- _Instructions to follow_
The response should contain only those lines of the entries below that include the string "contexts".

Collected data entries:
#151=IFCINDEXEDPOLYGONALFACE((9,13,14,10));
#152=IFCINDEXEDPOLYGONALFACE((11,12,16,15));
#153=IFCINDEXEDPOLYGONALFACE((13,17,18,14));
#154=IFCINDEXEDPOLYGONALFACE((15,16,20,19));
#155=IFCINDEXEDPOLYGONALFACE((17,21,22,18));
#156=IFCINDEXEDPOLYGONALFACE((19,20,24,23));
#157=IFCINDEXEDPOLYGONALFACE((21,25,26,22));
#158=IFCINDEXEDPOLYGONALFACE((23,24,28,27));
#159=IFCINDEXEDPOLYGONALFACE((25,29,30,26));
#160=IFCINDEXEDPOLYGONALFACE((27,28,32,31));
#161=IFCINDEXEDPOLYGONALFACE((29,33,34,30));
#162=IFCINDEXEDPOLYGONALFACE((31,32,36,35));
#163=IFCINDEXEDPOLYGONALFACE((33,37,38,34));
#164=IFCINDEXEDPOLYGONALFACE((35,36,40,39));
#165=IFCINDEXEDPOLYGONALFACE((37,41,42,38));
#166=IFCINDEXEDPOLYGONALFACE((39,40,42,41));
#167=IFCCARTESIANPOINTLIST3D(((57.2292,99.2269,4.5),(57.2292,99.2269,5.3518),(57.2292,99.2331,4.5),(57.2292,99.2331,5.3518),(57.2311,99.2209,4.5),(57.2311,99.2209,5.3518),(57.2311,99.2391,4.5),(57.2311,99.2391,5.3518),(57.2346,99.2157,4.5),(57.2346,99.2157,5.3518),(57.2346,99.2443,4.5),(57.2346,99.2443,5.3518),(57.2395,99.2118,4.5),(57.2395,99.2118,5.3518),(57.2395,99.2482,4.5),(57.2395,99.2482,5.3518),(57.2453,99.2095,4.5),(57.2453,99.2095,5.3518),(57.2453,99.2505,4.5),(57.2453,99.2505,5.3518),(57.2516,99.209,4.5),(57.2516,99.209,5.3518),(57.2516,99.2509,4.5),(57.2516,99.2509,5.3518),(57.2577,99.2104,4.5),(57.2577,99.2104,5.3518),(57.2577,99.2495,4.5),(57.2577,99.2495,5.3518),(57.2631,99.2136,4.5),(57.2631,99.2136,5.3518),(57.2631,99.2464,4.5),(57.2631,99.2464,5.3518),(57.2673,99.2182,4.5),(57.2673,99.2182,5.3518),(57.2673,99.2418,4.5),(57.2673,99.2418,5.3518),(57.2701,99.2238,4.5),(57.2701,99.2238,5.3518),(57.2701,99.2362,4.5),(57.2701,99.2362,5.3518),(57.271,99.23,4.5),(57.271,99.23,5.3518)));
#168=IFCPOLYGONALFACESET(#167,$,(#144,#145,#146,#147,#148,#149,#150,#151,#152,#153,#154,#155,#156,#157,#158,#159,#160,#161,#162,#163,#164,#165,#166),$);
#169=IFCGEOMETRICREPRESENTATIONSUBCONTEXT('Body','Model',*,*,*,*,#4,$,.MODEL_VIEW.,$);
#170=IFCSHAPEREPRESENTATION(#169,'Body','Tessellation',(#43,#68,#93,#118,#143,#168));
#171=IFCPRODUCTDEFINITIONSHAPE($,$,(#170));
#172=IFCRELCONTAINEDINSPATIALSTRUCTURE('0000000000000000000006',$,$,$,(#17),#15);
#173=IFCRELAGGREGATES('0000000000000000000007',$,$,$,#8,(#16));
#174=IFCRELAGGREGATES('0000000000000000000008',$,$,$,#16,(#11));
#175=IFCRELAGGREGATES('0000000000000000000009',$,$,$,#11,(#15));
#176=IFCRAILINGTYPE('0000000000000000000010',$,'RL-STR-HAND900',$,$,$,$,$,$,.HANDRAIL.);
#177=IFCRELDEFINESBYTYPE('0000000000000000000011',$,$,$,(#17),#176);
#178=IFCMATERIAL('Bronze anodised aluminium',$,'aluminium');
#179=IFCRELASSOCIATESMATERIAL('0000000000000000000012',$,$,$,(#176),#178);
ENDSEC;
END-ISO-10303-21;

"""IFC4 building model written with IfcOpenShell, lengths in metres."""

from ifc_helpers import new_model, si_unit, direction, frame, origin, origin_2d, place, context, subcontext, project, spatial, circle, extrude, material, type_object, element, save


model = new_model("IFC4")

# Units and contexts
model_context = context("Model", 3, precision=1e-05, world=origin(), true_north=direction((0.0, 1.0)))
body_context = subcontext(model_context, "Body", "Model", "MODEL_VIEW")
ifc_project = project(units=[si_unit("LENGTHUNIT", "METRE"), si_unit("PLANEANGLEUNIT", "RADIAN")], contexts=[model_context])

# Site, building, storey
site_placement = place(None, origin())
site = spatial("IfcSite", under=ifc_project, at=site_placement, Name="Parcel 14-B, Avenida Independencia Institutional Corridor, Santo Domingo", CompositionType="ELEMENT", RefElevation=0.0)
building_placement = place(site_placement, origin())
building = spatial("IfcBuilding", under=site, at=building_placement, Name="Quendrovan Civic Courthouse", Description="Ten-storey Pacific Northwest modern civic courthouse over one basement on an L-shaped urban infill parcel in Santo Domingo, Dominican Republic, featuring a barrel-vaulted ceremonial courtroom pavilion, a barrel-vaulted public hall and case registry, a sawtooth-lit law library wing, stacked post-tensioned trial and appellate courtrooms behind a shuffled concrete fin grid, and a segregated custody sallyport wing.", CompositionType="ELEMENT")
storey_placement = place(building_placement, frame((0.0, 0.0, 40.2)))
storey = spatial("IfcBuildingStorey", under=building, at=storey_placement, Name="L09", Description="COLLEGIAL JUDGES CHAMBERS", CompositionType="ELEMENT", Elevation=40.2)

...

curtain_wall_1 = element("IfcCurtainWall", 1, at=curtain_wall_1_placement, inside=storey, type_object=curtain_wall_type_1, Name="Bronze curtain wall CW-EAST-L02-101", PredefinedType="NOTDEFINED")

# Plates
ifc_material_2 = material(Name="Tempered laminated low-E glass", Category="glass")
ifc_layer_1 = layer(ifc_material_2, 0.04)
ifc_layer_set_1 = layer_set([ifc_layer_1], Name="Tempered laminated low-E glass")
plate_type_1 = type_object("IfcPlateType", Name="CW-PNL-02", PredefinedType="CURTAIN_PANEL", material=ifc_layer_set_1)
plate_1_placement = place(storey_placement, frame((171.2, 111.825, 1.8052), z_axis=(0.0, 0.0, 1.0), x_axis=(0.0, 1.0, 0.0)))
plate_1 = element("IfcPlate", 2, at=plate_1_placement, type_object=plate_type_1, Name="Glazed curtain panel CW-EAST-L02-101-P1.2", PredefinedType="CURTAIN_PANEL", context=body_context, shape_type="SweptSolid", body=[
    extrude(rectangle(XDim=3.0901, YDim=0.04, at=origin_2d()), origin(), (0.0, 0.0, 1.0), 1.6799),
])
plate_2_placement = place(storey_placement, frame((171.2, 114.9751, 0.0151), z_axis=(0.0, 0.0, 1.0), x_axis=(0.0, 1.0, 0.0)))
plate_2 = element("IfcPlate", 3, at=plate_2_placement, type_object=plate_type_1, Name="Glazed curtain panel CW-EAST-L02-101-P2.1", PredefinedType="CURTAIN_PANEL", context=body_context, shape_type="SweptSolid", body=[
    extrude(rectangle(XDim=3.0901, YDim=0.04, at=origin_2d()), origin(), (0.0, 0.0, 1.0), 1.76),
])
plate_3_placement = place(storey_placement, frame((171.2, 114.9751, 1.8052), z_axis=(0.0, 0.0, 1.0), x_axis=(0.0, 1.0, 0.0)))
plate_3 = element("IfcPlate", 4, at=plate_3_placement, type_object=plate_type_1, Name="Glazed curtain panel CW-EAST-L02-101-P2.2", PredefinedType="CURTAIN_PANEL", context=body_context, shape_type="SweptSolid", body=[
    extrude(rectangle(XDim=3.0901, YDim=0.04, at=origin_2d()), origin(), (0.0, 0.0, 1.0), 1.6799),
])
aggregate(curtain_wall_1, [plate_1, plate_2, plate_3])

- _Answer below_
# Units and contexts
ifc_project = project(units=[si_unit("LENGTHUNIT", "METRE"), si_unit("PLANEANGLEUNIT", "RADIAN")], contexts=[model_context])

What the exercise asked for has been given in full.